* **AIM OF THE EXERCISE**
In the records that follow, the lines from the one containing "FILE_DESCRIPTION((''),'2;1');" to the one containing "#18=IFCLOCALPLACEMENT(#14,#2);", inclusive, are to be given again exactly.

* **SUPPLIED MATERIAL**
_____

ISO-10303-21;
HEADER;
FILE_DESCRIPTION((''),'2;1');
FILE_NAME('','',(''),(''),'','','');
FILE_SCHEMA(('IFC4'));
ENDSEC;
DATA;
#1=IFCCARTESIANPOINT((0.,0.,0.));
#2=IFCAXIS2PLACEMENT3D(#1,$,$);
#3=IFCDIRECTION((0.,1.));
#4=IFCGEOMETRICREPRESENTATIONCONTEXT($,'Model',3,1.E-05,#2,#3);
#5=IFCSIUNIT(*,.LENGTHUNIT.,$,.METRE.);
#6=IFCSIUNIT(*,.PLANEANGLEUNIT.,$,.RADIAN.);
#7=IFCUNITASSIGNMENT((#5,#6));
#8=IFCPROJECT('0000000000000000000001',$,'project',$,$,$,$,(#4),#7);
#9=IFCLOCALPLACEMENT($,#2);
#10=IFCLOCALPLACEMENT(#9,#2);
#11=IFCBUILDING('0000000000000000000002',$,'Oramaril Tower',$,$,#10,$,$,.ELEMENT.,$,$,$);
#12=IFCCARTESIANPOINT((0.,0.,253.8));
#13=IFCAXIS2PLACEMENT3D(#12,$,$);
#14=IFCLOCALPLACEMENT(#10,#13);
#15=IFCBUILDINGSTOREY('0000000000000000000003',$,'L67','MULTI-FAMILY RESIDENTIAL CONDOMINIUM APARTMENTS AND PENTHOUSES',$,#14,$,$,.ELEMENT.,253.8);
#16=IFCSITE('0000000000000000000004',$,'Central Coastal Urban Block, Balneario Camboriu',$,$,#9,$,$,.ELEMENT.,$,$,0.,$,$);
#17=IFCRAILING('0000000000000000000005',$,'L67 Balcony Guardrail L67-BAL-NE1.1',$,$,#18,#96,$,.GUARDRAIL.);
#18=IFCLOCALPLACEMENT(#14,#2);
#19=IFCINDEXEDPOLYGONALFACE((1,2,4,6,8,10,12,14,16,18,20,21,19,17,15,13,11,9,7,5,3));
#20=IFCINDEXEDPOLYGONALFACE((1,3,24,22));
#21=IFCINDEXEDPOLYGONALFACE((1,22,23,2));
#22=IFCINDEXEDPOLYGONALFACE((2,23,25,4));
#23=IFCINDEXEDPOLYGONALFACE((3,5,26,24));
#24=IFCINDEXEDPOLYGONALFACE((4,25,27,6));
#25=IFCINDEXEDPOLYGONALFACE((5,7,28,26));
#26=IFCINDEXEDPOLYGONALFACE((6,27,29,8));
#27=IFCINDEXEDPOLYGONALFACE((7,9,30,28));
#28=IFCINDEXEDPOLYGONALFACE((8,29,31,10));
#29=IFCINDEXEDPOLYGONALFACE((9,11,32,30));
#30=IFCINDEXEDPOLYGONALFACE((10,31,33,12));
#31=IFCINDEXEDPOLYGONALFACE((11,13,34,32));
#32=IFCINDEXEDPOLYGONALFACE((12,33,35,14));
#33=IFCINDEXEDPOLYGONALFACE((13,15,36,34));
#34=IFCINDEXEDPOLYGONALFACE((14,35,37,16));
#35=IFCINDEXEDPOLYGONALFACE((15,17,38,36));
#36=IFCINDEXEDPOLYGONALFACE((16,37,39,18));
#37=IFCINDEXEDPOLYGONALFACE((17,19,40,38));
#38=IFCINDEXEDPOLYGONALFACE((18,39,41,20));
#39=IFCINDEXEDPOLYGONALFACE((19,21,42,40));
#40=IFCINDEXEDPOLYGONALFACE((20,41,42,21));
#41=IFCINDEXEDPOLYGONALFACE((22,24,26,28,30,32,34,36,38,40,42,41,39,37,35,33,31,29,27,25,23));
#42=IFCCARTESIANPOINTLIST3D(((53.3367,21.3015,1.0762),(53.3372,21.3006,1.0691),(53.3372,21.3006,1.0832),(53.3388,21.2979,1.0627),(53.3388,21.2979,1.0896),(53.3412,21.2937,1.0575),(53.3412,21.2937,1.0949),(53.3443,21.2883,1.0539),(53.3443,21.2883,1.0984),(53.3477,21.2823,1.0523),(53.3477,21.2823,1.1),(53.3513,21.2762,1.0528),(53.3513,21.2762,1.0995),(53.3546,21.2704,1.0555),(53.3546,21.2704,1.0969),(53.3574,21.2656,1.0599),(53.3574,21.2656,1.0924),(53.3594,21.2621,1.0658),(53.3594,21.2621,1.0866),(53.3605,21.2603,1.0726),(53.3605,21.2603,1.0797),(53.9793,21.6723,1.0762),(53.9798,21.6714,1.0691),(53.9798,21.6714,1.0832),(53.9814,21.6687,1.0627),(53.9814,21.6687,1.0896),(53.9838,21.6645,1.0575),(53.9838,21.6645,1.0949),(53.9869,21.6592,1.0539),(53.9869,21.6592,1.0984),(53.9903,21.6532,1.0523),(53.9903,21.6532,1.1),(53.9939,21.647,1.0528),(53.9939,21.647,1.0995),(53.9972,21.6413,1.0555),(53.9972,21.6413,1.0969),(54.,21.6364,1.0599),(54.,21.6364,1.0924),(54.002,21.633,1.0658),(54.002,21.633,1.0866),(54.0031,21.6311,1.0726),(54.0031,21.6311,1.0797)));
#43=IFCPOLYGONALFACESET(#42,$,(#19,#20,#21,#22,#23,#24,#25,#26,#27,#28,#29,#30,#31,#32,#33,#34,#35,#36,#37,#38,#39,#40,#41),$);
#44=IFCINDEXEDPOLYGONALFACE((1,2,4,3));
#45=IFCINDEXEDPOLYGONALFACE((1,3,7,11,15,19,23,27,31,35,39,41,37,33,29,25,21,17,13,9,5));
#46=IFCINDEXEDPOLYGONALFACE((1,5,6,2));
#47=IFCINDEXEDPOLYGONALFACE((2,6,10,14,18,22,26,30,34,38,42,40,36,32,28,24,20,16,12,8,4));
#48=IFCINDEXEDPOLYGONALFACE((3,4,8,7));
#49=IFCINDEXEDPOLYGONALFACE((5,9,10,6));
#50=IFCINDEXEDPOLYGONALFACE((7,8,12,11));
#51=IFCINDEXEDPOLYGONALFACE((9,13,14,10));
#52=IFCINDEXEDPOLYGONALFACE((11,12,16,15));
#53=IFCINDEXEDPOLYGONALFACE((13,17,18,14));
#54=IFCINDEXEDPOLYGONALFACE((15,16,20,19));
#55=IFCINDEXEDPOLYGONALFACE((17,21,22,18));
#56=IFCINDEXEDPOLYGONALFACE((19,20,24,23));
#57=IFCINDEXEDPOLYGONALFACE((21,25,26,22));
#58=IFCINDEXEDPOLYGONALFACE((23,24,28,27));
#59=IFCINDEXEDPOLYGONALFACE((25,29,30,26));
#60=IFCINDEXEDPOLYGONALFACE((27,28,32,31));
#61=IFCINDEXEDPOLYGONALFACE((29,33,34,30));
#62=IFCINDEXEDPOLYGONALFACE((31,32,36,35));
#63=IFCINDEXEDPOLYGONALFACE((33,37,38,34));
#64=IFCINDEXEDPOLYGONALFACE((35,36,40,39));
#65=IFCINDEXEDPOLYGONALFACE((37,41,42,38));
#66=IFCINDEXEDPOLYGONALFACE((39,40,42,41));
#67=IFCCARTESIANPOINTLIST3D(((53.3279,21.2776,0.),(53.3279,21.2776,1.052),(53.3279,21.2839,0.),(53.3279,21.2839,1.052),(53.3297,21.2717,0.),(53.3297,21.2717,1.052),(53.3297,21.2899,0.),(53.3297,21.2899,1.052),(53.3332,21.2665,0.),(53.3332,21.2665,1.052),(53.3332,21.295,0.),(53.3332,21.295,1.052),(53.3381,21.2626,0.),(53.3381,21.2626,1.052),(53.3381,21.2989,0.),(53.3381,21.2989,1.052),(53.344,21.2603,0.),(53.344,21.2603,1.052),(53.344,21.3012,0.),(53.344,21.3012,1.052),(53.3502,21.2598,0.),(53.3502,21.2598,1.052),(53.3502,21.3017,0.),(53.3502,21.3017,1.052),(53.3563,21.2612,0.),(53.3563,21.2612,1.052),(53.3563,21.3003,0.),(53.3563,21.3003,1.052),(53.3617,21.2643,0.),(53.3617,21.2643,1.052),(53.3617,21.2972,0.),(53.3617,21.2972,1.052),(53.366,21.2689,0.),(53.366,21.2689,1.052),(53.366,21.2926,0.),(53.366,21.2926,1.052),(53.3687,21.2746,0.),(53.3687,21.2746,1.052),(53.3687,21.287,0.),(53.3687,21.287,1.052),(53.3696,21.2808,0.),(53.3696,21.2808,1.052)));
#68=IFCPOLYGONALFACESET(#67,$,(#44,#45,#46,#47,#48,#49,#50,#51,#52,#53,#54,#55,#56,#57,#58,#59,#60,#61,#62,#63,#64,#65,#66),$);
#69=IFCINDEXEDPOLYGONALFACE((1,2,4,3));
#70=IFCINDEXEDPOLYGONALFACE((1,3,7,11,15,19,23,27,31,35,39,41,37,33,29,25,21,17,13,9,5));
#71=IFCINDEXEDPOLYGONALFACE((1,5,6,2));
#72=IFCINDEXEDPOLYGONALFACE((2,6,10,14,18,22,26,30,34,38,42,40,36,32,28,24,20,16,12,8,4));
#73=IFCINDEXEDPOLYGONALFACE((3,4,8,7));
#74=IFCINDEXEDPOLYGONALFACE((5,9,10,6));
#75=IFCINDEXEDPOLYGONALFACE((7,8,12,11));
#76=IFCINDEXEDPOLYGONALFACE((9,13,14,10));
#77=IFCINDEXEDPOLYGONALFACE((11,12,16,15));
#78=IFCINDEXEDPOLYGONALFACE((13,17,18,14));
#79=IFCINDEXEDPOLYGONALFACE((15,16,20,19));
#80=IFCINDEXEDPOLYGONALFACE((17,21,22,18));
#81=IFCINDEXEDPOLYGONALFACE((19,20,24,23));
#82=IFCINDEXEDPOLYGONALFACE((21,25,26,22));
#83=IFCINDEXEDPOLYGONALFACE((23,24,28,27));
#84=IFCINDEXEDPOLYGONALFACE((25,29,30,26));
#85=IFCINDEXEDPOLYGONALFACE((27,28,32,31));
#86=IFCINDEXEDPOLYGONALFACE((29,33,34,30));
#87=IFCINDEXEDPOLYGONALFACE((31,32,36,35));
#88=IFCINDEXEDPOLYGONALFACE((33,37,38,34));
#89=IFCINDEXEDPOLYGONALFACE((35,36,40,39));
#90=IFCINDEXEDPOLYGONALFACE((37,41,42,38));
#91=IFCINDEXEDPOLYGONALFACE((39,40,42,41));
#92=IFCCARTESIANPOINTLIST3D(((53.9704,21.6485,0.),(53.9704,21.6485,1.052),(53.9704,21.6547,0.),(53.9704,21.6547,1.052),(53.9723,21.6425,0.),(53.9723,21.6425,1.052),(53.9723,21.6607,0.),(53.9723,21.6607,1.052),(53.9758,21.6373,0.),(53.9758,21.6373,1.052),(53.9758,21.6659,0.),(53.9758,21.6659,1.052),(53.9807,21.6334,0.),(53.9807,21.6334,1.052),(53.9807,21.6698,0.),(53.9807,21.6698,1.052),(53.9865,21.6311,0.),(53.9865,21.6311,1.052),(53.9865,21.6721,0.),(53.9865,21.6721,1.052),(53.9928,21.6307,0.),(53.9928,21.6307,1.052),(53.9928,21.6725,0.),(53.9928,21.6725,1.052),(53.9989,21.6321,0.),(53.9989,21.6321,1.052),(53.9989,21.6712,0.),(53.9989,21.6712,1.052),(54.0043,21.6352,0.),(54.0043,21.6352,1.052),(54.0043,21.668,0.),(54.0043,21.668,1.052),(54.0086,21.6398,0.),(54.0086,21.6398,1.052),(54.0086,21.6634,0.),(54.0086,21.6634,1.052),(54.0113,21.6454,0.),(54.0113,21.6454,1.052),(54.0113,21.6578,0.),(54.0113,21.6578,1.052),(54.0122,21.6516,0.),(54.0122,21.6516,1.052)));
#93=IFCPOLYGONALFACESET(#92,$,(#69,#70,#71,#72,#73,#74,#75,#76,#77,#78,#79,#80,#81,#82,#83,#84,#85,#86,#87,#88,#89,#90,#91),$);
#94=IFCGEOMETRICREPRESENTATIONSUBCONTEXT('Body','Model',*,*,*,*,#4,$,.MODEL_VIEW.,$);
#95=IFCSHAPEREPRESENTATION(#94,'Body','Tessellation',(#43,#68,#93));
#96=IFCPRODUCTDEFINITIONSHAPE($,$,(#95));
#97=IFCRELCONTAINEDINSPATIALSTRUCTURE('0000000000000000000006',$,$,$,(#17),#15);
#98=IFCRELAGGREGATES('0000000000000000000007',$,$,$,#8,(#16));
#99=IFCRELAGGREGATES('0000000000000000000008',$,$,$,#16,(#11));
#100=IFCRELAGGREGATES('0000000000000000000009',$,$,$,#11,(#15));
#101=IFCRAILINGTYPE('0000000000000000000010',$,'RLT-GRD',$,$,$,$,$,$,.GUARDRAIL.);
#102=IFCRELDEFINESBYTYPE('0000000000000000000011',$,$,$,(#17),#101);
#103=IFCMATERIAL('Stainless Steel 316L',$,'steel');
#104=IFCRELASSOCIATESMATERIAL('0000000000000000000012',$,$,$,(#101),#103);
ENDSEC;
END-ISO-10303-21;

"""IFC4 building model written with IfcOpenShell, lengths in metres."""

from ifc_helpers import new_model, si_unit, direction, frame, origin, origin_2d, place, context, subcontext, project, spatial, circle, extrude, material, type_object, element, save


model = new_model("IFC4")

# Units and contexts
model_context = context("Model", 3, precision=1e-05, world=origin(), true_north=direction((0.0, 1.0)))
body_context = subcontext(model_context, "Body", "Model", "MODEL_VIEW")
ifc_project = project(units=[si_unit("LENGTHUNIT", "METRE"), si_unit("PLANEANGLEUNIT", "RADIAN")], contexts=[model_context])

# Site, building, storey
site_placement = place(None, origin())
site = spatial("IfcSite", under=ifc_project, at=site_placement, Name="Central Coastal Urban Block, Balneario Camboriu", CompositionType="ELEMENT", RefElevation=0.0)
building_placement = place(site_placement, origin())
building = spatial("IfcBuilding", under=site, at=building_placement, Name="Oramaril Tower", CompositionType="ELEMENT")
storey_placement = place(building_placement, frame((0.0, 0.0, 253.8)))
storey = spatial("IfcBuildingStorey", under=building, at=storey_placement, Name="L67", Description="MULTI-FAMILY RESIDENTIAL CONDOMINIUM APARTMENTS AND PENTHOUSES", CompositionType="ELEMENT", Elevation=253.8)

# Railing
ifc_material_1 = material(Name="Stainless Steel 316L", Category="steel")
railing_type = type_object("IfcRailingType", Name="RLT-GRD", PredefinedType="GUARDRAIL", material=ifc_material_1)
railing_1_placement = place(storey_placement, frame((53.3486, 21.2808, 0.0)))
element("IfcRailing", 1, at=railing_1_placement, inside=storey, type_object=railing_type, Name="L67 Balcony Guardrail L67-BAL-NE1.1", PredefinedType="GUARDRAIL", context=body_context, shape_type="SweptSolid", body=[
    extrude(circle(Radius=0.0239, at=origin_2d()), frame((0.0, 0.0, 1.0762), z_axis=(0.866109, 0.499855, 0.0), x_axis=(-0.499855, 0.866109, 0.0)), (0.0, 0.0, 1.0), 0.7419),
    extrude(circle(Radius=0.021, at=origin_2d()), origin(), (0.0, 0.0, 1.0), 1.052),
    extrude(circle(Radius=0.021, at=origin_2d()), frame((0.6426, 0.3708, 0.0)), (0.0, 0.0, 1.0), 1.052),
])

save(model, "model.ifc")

_____

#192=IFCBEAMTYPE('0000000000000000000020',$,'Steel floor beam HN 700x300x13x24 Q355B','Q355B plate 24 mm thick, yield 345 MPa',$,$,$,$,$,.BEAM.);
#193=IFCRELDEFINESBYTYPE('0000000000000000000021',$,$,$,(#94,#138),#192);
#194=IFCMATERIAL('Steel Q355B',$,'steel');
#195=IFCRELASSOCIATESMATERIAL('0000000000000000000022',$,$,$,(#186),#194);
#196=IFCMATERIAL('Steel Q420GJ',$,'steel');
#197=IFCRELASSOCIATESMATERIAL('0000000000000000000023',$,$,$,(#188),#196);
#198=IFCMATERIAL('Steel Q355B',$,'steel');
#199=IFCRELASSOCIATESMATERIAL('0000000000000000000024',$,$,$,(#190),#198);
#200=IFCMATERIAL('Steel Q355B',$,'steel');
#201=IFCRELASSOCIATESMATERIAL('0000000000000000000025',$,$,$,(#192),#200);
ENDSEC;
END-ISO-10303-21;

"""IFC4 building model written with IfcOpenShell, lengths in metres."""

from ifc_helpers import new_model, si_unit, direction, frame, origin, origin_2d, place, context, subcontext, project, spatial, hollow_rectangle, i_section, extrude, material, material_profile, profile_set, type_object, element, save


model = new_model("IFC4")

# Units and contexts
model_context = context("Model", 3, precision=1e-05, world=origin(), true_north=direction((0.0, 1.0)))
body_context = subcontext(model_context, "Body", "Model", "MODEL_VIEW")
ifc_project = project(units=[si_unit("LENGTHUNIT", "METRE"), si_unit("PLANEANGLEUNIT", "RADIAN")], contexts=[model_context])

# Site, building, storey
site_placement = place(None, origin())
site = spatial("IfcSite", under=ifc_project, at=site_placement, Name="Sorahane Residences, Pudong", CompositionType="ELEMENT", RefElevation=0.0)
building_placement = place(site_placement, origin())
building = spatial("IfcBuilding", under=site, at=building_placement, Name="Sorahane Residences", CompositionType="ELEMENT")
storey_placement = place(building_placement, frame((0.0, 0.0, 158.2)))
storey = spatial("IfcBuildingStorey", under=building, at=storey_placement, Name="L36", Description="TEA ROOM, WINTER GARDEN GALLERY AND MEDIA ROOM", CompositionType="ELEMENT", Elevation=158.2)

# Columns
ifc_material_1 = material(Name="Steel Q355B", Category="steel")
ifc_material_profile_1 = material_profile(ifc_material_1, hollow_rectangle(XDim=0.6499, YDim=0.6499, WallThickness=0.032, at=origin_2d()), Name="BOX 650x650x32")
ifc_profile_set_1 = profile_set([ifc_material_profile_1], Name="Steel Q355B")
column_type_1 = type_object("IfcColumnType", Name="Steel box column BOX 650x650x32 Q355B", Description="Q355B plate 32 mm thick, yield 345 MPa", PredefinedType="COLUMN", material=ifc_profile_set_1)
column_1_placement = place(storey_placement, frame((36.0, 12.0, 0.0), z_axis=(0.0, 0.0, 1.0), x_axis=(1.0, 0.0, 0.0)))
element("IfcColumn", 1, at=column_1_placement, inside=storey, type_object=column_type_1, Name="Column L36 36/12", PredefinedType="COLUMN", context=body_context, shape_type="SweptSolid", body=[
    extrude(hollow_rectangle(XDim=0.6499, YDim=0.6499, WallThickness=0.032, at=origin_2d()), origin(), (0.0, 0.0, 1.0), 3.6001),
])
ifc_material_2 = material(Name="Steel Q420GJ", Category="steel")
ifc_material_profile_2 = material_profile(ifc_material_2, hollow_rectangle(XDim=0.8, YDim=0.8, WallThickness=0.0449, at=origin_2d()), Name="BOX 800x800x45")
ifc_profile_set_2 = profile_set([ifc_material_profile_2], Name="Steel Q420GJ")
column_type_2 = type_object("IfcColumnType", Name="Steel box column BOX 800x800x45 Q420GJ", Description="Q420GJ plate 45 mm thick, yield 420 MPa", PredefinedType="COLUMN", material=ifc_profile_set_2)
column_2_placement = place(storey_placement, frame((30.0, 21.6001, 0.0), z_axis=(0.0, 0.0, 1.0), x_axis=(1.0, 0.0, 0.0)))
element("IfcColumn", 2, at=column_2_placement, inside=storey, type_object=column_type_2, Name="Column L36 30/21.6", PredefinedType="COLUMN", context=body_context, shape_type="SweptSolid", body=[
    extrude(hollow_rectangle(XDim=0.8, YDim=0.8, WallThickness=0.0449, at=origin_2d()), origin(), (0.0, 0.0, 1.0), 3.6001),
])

_____

* **SOLUTION TO THE PROBLEM**
FILE_DESCRIPTION((''),'2;1');
FILE_NAME('','',(''),(''),'','','');
FILE_SCHEMA(('IFC4'));
ENDSEC;
DATA;
#1=IFCCARTESIANPOINT((0.,0.,0.));
#2=IFCAXIS2PLACEMENT3D(#1,$,$);
#3=IFCDIRECTION((0.,1.));
#4=IFCGEOMETRICREPRESENTATIONCONTEXT($,'Model',3,1.E-05,#2,#3);
#5=IFCSIUNIT(*,.LENGTHUNIT.,$,.METRE.);
#6=IFCSIUNIT(*,.PLANEANGLEUNIT.,$,.RADIAN.);
#7=IFCUNITASSIGNMENT((#5,#6));
#8=IFCPROJECT('0000000000000000000001',$,'project',$,$,$,$,(#4),#7);
#9=IFCLOCALPLACEMENT($,#2);
#10=IFCLOCALPLACEMENT(#9,#2);
#11=IFCBUILDING('0000000000000000000002',$,'Oramaril Tower',$,$,#10,$,$,.ELEMENT.,$,$,$);
#12=IFCCARTESIANPOINT((0.,0.,253.8));
#13=IFCAXIS2PLACEMENT3D(#12,$,$);
#14=IFCLOCALPLACEMENT(#10,#13);
#15=IFCBUILDINGSTOREY('0000000000000000000003',$,'L67','MULTI-FAMILY RESIDENTIAL CONDOMINIUM APARTMENTS AND PENTHOUSES',$,#14,$,$,.ELEMENT.,253.8);
#16=IFCSITE('0000000000000000000004',$,'Central Coastal Urban Block, Balneario Camboriu',$,$,#9,$,$,.ELEMENT.,$,$,0.,$,$);
#17=IFCRAILING('0000000000000000000005',$,'L67 Balcony Guardrail L67-BAL-NE1.1',$,$,#18,#96,$,.GUARDRAIL.);
#18=IFCLOCALPLACEMENT(#14,#2);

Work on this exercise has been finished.